Your answer should consist of the lines holding "stair", copied from the material below.

----

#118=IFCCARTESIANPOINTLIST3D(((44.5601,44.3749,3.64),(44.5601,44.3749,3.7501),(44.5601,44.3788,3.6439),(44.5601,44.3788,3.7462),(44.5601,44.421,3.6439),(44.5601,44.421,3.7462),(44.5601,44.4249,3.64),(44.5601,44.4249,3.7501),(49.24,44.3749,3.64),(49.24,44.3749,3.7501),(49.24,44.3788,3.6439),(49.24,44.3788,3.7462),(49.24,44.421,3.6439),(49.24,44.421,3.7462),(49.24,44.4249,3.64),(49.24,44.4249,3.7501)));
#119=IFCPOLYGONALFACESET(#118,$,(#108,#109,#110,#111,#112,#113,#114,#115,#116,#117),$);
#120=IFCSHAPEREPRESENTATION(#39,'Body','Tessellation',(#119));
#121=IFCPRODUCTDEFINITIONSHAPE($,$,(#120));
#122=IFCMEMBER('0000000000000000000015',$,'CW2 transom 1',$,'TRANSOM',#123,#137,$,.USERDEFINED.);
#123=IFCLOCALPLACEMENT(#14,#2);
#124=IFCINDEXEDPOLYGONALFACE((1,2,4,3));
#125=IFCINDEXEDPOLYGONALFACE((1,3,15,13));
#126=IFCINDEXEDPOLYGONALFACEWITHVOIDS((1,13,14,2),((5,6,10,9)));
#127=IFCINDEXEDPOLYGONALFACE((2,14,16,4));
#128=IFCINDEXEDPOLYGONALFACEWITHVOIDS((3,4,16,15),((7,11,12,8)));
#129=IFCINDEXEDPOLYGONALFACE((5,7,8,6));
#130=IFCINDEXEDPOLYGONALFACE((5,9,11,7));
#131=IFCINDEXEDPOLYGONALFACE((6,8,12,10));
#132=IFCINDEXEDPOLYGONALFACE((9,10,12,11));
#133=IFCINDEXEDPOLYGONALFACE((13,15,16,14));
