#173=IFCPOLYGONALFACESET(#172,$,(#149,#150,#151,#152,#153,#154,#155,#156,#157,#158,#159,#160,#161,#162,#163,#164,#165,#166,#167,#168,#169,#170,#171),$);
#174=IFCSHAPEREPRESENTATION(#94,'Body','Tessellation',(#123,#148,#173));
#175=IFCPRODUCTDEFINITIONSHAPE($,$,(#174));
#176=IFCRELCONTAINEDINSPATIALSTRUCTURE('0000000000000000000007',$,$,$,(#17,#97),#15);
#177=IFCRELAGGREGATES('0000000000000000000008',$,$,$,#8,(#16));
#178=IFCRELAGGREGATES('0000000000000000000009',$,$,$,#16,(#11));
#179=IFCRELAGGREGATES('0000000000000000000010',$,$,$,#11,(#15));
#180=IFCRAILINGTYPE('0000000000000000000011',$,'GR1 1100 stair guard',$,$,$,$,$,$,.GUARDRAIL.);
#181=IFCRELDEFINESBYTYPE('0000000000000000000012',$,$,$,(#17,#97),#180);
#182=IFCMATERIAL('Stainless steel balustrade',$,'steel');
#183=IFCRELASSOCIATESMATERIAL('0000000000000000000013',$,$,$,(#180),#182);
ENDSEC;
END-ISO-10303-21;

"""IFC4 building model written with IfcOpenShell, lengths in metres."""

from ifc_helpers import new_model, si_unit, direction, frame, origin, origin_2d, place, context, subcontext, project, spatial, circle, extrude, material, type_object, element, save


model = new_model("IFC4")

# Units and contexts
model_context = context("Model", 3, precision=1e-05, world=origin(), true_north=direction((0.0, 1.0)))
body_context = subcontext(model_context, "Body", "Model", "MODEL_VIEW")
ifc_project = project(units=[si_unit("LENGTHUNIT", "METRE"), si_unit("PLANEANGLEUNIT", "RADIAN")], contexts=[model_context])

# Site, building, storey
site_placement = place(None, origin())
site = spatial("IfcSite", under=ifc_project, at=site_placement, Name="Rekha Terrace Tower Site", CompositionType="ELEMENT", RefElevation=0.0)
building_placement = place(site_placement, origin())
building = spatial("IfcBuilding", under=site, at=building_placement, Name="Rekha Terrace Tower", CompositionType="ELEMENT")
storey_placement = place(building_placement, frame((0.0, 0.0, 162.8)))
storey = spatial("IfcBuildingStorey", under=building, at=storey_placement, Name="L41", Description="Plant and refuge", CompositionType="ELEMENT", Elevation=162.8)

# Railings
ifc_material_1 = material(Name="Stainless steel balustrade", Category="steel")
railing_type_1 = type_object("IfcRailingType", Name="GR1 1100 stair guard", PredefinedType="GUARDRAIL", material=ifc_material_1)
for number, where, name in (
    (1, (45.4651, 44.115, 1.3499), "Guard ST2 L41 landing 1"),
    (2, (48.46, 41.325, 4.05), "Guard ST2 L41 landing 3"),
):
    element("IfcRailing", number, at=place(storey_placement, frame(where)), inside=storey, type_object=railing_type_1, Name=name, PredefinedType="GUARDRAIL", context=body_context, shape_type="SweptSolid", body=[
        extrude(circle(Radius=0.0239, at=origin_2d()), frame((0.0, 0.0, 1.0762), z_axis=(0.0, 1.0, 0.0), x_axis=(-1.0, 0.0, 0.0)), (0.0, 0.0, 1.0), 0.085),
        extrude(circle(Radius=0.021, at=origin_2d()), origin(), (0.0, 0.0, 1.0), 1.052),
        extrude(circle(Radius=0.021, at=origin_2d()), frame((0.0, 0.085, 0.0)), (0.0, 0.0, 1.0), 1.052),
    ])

----

• _Response area_
#180=IFCRAILINGTYPE('0000000000000000000011',$,'GR1 1100 stair guard',$,$,$,$,$,$,.GUARDRAIL.);
railing_type_1 = type_object("IfcRailingType", Name="GR1 1100 stair guard", PredefinedType="GUARDRAIL", material=ifc_material_1)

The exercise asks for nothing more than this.